Stored items =
---+---
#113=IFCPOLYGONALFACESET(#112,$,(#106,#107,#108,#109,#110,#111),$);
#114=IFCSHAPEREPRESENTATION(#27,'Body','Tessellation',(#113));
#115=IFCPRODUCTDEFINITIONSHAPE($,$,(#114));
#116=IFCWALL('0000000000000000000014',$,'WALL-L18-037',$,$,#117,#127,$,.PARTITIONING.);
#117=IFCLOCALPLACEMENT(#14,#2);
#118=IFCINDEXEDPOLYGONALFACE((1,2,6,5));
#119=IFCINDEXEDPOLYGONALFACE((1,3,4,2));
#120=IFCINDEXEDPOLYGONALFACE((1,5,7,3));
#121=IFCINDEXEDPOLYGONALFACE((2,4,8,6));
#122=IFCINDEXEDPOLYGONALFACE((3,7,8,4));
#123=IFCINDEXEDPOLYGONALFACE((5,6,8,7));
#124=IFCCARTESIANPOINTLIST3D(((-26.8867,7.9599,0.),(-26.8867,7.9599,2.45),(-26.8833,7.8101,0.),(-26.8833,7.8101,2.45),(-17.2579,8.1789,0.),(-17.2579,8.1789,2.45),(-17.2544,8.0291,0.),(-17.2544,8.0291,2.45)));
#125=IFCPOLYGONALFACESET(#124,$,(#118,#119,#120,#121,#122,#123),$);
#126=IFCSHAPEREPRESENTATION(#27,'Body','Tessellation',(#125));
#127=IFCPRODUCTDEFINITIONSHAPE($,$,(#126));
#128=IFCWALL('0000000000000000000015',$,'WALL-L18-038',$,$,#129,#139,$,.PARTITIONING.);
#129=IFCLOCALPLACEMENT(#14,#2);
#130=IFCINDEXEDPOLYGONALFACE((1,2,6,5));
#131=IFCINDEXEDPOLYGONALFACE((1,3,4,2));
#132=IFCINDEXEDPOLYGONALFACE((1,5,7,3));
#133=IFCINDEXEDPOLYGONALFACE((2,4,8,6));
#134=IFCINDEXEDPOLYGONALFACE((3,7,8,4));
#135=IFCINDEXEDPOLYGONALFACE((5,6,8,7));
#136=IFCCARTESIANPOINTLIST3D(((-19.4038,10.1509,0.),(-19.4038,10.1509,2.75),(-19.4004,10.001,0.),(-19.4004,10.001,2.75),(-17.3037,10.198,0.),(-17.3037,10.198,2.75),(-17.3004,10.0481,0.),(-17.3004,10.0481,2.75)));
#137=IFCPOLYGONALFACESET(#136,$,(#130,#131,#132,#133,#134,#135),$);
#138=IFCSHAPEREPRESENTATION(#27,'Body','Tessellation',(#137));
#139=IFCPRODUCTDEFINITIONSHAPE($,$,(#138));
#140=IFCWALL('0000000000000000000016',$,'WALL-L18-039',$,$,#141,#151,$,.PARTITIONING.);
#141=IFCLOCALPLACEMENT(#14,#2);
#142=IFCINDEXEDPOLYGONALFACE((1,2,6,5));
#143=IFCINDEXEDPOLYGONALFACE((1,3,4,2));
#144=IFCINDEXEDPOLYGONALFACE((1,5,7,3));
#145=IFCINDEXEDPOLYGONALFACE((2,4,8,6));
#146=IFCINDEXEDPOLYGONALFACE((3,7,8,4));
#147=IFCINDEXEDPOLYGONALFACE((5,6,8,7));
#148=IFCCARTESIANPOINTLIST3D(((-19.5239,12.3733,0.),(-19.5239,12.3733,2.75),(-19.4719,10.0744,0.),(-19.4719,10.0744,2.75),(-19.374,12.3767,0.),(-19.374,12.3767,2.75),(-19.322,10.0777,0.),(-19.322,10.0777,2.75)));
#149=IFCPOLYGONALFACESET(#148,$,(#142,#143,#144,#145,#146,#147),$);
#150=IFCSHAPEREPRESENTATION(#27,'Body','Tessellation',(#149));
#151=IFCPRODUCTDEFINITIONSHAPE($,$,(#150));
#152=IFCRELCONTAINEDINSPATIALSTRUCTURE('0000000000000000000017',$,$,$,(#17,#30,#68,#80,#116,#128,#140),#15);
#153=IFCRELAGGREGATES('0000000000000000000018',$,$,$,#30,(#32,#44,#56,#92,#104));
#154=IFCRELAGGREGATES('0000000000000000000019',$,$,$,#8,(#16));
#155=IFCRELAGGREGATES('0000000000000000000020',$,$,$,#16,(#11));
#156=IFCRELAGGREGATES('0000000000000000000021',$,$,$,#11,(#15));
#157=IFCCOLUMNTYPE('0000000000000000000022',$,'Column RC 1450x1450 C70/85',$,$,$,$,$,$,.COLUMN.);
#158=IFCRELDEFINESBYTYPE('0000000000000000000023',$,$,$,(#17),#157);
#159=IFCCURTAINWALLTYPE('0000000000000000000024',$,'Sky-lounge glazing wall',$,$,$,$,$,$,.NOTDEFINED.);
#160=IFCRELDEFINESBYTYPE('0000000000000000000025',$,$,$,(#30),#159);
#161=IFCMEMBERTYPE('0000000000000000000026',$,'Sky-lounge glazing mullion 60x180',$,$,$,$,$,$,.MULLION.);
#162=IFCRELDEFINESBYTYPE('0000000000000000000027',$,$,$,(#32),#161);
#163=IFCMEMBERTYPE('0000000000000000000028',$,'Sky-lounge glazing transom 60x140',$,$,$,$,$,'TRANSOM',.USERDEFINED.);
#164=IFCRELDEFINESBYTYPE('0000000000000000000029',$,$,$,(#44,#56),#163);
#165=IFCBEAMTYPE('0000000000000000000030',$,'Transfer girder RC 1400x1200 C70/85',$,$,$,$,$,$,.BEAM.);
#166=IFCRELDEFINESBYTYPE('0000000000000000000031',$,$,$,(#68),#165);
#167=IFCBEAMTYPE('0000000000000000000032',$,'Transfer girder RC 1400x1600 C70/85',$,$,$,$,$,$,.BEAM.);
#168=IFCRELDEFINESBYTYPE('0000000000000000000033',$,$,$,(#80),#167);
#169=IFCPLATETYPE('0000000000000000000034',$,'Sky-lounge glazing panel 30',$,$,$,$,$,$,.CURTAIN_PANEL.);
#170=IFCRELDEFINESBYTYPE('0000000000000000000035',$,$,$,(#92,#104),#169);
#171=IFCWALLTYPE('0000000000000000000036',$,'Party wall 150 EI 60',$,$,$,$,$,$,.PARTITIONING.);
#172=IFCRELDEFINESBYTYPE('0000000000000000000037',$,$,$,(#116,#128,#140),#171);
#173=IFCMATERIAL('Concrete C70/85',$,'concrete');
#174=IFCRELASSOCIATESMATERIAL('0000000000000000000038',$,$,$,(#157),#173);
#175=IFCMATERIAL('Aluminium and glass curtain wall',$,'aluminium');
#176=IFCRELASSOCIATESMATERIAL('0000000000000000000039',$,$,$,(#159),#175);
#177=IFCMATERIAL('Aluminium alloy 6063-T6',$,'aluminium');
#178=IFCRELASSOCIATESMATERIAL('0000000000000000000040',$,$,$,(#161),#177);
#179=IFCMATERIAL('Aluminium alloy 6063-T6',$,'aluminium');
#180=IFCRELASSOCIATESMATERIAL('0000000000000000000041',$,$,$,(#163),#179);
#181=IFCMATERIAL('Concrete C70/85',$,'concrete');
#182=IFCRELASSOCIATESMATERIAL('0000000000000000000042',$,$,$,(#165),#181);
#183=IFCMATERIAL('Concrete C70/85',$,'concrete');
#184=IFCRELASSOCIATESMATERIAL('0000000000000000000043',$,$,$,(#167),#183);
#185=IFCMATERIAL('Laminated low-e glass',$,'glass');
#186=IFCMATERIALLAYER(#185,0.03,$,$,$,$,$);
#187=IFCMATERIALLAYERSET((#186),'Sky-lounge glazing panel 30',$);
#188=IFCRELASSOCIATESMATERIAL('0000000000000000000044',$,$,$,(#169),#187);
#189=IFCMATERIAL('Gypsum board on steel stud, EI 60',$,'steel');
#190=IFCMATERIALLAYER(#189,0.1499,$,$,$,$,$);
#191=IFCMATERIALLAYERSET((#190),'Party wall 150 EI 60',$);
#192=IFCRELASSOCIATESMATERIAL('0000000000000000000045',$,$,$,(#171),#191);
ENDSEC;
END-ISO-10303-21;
---+---
YOUR ASSIGNMENT =
What is the number of lines above that contain "alloy"? Answer with that number only.

OUTPUT OF THE EXERCISE =
2